*** Data extract ***

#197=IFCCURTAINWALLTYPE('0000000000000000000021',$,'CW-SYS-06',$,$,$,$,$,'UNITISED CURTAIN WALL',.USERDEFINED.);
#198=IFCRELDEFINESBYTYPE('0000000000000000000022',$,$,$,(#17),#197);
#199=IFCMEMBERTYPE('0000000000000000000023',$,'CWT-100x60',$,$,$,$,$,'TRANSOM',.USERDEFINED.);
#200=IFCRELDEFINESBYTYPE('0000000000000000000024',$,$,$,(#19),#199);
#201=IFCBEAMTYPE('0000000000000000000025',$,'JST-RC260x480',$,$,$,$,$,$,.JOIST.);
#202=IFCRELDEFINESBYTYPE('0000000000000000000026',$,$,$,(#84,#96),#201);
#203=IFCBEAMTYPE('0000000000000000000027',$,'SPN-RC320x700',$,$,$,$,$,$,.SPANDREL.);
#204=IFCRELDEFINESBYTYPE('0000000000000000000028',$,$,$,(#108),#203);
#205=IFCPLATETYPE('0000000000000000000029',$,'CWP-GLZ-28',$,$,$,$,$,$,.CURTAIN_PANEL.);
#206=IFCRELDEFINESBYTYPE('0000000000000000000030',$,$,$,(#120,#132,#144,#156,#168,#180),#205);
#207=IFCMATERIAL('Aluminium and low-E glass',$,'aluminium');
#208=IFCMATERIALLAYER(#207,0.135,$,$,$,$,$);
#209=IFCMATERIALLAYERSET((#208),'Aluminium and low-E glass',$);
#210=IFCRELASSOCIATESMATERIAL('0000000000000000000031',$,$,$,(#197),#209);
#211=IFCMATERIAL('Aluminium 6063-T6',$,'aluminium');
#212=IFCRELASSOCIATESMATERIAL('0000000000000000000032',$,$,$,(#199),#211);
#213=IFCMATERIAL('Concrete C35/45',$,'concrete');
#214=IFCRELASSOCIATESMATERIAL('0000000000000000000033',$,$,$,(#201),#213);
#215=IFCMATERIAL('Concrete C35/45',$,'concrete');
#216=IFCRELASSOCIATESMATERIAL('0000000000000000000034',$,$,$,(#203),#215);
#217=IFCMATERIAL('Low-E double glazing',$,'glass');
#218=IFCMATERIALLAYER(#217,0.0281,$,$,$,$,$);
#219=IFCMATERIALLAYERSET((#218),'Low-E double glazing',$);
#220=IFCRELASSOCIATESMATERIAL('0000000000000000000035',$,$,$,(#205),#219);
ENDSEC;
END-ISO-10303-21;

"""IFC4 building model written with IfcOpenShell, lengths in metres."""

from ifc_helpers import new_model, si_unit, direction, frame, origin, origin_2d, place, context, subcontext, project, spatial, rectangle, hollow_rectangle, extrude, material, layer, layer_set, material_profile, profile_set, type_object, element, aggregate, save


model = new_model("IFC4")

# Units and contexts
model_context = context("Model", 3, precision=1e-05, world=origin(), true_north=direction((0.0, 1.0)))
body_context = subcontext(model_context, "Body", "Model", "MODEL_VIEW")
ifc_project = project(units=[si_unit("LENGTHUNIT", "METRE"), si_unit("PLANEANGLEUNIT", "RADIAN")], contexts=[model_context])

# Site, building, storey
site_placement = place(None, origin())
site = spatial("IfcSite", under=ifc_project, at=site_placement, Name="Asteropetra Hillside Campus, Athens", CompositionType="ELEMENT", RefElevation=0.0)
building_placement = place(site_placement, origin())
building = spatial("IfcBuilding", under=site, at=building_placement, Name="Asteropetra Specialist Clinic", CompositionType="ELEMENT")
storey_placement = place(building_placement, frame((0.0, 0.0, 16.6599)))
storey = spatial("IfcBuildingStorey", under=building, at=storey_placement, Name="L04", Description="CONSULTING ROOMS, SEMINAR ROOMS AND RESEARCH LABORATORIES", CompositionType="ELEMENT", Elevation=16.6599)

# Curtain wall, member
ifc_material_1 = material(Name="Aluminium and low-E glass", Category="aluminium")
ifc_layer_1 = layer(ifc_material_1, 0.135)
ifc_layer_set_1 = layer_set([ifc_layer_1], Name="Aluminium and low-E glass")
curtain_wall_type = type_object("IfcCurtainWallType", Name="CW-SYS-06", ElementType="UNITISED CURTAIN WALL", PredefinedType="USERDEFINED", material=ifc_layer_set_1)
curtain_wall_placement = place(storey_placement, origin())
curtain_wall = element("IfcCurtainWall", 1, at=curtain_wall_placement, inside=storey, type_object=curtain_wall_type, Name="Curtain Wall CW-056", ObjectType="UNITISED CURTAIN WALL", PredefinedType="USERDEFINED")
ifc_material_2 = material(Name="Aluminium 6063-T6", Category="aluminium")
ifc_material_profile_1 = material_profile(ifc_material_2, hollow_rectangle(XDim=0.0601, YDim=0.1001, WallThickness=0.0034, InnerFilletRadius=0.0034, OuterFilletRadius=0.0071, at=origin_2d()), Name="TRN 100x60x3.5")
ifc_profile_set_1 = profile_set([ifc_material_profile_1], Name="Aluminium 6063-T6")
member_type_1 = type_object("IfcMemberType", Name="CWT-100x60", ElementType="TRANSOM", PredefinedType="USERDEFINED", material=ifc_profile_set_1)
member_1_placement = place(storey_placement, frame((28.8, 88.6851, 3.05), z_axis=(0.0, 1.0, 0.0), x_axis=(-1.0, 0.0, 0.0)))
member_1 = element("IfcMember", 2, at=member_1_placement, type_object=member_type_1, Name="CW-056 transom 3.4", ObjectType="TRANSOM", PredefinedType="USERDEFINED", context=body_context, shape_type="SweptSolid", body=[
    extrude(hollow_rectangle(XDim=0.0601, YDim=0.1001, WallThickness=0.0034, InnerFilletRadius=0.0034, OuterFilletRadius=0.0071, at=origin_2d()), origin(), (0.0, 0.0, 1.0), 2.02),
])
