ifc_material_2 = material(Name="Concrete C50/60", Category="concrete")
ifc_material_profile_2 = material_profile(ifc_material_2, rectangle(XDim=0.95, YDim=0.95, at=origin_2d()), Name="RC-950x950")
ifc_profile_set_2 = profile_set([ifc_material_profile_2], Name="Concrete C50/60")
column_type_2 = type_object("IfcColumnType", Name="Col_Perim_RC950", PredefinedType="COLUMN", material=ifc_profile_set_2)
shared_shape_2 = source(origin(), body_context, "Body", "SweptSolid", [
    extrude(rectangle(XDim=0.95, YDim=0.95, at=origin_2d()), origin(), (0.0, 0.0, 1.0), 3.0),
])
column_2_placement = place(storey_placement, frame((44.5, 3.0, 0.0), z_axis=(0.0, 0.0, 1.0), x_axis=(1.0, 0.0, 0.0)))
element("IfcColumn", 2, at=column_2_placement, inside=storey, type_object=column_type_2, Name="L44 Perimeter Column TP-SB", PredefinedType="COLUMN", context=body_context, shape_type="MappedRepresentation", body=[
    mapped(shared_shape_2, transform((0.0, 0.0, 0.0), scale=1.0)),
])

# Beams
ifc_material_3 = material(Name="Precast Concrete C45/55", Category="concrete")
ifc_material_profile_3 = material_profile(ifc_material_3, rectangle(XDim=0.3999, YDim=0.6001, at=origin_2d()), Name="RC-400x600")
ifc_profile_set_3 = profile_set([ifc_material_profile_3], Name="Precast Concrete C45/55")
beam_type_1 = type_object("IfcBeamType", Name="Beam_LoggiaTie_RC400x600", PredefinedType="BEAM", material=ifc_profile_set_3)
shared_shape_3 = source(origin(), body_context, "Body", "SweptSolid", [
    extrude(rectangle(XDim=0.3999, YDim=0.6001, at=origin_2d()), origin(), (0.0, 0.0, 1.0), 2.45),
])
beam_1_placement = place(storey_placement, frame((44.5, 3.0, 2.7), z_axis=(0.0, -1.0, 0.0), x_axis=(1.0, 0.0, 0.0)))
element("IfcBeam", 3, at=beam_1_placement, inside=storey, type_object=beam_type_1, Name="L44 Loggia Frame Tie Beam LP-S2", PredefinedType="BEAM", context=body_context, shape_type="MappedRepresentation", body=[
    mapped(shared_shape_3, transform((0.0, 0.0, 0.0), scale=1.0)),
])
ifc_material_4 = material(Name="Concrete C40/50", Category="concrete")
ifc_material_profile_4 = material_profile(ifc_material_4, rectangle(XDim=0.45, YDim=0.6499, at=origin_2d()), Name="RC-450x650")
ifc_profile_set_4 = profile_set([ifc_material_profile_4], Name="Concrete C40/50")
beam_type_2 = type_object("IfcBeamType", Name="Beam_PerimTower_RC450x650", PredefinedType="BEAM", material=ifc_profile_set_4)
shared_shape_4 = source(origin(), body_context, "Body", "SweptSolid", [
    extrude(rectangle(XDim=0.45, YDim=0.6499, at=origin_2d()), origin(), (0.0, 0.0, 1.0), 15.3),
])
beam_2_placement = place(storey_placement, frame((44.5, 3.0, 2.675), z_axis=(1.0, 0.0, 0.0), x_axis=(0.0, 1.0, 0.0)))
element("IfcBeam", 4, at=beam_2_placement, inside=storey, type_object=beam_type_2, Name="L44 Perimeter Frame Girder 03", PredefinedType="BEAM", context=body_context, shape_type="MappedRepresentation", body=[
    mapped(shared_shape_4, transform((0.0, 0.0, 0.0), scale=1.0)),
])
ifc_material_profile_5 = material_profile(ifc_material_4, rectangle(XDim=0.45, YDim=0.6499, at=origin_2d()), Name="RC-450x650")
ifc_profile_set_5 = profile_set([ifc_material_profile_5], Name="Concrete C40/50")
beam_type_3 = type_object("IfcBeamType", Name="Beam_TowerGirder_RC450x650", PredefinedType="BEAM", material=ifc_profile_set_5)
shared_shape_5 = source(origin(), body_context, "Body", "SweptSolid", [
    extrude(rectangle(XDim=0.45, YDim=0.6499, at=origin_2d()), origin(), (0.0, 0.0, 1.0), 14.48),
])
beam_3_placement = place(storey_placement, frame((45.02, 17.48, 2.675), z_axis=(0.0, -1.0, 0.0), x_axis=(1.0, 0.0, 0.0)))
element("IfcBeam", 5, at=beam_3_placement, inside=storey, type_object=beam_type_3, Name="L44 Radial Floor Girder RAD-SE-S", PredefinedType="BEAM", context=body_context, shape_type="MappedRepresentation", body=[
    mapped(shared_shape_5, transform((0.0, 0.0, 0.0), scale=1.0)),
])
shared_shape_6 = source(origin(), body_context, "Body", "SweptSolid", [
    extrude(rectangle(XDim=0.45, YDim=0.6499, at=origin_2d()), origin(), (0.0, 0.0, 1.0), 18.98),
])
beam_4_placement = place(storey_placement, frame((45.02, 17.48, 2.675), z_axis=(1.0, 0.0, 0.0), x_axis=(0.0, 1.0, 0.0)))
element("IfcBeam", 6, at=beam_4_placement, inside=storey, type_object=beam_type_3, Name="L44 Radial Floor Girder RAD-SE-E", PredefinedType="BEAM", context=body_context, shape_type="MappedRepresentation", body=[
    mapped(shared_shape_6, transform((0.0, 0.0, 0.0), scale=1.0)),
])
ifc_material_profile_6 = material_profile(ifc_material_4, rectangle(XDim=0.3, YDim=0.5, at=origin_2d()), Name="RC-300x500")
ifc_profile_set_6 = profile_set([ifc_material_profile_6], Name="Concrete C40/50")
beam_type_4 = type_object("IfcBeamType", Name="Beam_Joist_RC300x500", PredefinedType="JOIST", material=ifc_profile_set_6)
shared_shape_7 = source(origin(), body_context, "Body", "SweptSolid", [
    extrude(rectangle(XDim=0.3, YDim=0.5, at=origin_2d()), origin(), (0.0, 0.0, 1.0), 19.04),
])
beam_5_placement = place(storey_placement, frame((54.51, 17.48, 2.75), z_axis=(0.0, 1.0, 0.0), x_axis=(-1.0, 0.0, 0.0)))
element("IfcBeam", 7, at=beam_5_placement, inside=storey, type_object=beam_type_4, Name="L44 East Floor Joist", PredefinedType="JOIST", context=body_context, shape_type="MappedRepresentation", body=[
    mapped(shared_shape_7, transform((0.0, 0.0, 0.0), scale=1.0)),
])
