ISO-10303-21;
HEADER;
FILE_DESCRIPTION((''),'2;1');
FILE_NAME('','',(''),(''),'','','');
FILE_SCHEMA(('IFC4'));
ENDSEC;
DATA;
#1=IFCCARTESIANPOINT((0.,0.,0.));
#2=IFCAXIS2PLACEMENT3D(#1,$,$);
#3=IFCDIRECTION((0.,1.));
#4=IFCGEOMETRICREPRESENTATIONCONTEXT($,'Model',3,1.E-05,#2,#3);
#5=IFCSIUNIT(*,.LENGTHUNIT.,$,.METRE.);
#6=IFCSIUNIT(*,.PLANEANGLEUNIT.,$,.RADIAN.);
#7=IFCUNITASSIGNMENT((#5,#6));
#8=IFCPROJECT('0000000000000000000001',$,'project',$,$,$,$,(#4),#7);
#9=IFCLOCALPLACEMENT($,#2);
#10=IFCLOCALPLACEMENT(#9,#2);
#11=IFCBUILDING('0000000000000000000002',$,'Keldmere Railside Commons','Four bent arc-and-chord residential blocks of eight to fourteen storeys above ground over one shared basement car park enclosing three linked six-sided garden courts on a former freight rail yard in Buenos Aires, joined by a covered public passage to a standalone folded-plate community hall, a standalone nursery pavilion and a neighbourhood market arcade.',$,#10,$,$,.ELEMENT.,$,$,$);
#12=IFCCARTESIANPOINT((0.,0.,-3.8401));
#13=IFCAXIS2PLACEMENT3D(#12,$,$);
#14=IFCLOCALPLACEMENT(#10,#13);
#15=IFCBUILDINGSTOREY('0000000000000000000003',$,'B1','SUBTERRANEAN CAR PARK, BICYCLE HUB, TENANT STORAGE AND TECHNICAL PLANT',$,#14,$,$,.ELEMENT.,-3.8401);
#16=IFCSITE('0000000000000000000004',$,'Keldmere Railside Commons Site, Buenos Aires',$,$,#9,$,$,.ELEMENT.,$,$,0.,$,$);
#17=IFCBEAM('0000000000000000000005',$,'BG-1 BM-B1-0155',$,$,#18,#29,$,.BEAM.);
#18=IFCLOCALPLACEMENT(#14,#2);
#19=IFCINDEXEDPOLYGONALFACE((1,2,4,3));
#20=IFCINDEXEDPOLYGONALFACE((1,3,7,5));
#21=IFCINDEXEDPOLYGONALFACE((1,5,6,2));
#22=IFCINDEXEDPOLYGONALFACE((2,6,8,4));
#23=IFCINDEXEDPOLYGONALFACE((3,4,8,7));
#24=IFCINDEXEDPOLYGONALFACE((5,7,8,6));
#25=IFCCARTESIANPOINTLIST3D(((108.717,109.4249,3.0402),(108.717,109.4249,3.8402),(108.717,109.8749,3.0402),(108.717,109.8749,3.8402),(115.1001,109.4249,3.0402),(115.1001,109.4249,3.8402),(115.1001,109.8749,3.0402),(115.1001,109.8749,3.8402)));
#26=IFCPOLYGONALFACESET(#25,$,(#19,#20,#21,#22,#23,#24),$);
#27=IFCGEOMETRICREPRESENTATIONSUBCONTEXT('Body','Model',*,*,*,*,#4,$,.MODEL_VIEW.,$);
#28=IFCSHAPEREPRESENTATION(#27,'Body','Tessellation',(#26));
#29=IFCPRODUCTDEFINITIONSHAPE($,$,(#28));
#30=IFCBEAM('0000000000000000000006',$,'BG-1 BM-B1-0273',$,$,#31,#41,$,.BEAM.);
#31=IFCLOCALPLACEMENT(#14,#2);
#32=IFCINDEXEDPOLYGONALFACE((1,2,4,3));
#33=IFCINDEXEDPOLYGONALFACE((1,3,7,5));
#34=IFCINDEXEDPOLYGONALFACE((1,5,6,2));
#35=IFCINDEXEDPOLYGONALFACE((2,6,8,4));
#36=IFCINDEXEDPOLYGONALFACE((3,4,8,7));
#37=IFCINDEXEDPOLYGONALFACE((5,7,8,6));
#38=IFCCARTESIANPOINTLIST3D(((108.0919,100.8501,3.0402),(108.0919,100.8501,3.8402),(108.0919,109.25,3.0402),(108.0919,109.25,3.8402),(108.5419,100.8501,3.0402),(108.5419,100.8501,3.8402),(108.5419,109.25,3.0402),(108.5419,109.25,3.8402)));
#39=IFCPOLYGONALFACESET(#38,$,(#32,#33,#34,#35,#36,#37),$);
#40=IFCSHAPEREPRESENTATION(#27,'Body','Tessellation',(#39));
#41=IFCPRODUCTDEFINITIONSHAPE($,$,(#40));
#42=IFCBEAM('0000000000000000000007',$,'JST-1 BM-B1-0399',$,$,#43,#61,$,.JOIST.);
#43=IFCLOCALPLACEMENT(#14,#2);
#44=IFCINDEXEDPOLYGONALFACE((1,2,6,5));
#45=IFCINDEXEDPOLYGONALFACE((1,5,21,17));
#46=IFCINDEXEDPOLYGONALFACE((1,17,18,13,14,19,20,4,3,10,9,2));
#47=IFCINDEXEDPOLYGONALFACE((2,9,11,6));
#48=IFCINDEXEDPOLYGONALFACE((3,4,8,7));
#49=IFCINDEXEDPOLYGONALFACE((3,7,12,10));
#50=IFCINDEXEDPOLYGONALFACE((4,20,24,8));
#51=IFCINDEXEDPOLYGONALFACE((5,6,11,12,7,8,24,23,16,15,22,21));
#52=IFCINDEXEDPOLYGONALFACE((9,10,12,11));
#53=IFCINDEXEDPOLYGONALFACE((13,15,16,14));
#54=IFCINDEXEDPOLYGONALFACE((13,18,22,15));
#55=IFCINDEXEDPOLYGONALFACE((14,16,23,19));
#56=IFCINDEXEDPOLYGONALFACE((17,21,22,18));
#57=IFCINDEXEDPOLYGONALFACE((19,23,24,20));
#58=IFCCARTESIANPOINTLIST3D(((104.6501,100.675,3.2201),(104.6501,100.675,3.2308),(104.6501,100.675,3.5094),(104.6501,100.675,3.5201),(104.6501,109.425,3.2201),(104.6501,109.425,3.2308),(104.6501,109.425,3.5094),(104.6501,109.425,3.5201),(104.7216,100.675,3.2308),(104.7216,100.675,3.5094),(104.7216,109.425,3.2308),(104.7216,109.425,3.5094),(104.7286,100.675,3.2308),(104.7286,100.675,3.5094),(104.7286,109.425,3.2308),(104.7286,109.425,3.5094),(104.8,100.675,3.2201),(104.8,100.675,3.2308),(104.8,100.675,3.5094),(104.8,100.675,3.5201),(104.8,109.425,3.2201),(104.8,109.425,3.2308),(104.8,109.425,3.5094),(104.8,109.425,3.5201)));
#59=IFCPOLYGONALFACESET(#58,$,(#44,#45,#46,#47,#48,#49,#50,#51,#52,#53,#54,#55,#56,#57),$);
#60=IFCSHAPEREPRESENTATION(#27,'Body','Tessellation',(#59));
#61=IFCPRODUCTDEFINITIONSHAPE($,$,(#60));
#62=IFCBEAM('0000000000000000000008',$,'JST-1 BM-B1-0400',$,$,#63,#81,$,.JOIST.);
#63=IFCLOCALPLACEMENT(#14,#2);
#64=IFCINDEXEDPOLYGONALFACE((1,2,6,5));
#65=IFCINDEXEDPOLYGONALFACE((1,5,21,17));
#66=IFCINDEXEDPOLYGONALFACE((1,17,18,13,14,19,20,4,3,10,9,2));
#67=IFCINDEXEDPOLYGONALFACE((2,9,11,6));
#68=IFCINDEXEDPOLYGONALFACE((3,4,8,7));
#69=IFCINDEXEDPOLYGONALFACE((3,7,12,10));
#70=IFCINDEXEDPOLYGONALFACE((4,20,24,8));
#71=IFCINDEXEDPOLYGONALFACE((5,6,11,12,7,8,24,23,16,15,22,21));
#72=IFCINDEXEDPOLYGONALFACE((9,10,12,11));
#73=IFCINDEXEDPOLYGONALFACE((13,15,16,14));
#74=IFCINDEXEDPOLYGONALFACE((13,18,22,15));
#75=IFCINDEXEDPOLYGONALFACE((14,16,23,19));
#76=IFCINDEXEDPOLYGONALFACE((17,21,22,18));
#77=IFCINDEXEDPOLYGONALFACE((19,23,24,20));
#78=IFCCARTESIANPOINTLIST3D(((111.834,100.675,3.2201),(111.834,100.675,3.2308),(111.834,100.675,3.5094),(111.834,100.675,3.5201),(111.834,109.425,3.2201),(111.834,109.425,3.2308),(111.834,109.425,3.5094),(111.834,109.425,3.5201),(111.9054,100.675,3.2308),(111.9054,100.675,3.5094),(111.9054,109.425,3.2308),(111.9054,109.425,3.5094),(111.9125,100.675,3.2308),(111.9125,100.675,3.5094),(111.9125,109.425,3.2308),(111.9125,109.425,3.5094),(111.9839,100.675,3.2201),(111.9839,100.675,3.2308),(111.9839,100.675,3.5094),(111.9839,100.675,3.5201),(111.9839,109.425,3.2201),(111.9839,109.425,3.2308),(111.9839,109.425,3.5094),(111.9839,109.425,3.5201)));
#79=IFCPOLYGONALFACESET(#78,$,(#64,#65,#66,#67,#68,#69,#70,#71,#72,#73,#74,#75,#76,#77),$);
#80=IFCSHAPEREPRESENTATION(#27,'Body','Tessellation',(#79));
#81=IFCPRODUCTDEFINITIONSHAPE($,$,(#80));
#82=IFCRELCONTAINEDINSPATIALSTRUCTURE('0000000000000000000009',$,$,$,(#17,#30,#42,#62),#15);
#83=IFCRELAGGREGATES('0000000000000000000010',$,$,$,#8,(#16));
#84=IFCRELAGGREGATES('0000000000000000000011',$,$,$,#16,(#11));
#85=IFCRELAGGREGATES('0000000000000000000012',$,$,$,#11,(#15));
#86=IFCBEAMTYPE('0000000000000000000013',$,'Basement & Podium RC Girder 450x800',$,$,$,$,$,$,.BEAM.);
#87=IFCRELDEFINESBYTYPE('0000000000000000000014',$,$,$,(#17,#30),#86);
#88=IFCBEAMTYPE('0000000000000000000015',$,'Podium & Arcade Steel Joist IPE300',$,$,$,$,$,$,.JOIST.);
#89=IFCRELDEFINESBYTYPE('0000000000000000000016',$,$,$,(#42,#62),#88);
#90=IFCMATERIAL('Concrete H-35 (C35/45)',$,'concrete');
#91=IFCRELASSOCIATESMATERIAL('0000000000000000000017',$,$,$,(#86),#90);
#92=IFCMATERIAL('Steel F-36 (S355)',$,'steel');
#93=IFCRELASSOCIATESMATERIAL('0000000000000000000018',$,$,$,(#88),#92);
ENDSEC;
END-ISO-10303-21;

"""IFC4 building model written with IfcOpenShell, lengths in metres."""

from ifc_helpers import new_model, si_unit, direction, frame, origin, origin_2d, place, context, subcontext, project, spatial, rectangle, i_section, extrude, material, material_profile, profile_set, type_object, element, save


model = new_model("IFC4")

# Units and contexts
model_context = context("Model", 3, precision=1e-05, world=origin(), true_north=direction((0.0, 1.0)))
body_context = subcontext(model_context, "Body", "Model", "MODEL_VIEW")
ifc_project = project(units=[si_unit("LENGTHUNIT", "METRE"), si_unit("PLANEANGLEUNIT", "RADIAN")], contexts=[model_context])

# Site, building, storey
site_placement = place(None, origin())
site = spatial("IfcSite", under=ifc_project, at=site_placement, Name="Keldmere Railside Commons Site, Buenos Aires", CompositionType="ELEMENT", RefElevation=0.0)
building_placement = place(site_placement, origin())
building = spatial("IfcBuilding", under=site, at=building_placement, Name="Keldmere Railside Commons", Description="Four bent arc-and-chord residential blocks of eight to fourteen storeys above ground over one shared basement car park enclosing three linked six-sided garden courts on a former freight rail yard in Buenos Aires, joined by a covered public passage to a standalone folded-plate community hall, a standalone nursery pavilion and a neighbourhood market arcade.", CompositionType="ELEMENT")
storey_placement = place(building_placement, frame((0.0, 0.0, -3.8401)))
storey = spatial("IfcBuildingStorey", under=building, at=storey_placement, Name="B1", Description="SUBTERRANEAN CAR PARK, BICYCLE HUB, TENANT STORAGE AND TECHNICAL PLANT", CompositionType="ELEMENT", Elevation=-3.8401)

# Beams
ifc_material_1 = material(Name="Concrete H-35 (C35/45)", Category="concrete")
ifc_material_profile_1 = material_profile(ifc_material_1, rectangle(XDim=0.45, YDim=0.8, at=origin_2d()), Name="RC-450x800")
ifc_profile_set_1 = profile_set([ifc_material_profile_1], Name="Concrete H-35 (C35/45)")
beam_type_1 = type_object("IfcBeamType", Name="Basement & Podium RC Girder 450x800", PredefinedType="BEAM", material=ifc_profile_set_1)
beam_1_placement = place(storey_placement, frame((108.717, 109.6499, 3.4402), z_axis=(1.0, 0.0, 0.0), x_axis=(0.0, 1.0, 0.0)))
element("IfcBeam", 1, at=beam_1_placement, inside=storey, type_object=beam_type_1, Name="BG-1 BM-B1-0155", PredefinedType="BEAM", context=body_context, shape_type="SweptSolid", body=[
    extrude(rectangle(XDim=0.45, YDim=0.8, at=origin_2d()), origin(), (0.0, 0.0, 1.0), 6.3831),
])
beam_2_placement = place(storey_placement, frame((108.3169, 100.8501, 3.4402), z_axis=(0.0, 1.0, 0.0), x_axis=(-1.0, 0.0, 0.0)))
element("IfcBeam", 2, at=beam_2_placement, inside=storey, type_object=beam_type_1, Name="BG-1 BM-B1-0273", PredefinedType="BEAM", context=body_context, shape_type="SweptSolid", body=[
    extrude(rectangle(XDim=0.45, YDim=0.8, at=origin_2d()), origin(), (0.0, 0.0, 1.0), 8.3999),
])
ifc_material_2 = material(Name="Steel F-36 (S355)", Category="steel")
ifc_material_profile_2 = material_profile(ifc_material_2, i_section(OverallWidth=0.1499, OverallDepth=0.3, WebThickness=0.0071, FlangeThickness=0.0107, at=origin_2d()), Name="IPE-300")
ifc_profile_set_2 = profile_set([ifc_material_profile_2], Name="Steel F-36 (S355)")
beam_type_2 = type_object("IfcBeamType", Name="Podium & Arcade Steel Joist IPE300", PredefinedType="JOIST", material=ifc_profile_set_2)
for number, where, z_axis, x_axis, name in (
    (3, (104.7251, 100.675, 3.3701), (0.0, 1.0, 0.0), (-1.0, 0.0, 0.0), "JST-1 BM-B1-0399"),
    (4, (111.9089, 100.675, 3.3701), (0.0, 1.0, 0.0), (-1.0, 0.0, 0.0), "JST-1 BM-B1-0400"),
):
    element("IfcBeam", number, at=place(storey_placement, frame(where, z_axis=z_axis, x_axis=x_axis)), inside=storey, type_object=beam_type_2, Name=name, PredefinedType="JOIST", context=body_context, shape_type="SweptSolid", body=[
        extrude(i_section(OverallWidth=0.1499, OverallDepth=0.3, WebThickness=0.0071, FlangeThickness=0.0107, at=origin_2d()), origin(), (0.0, 0.0, 1.0), 8.75),
    ])

save(model, "model.ifc")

***

(Task to carry out):
Using the records above, report the count of lines holding "IFCRELAGGREGATES" and nothing else.

(Task output):
3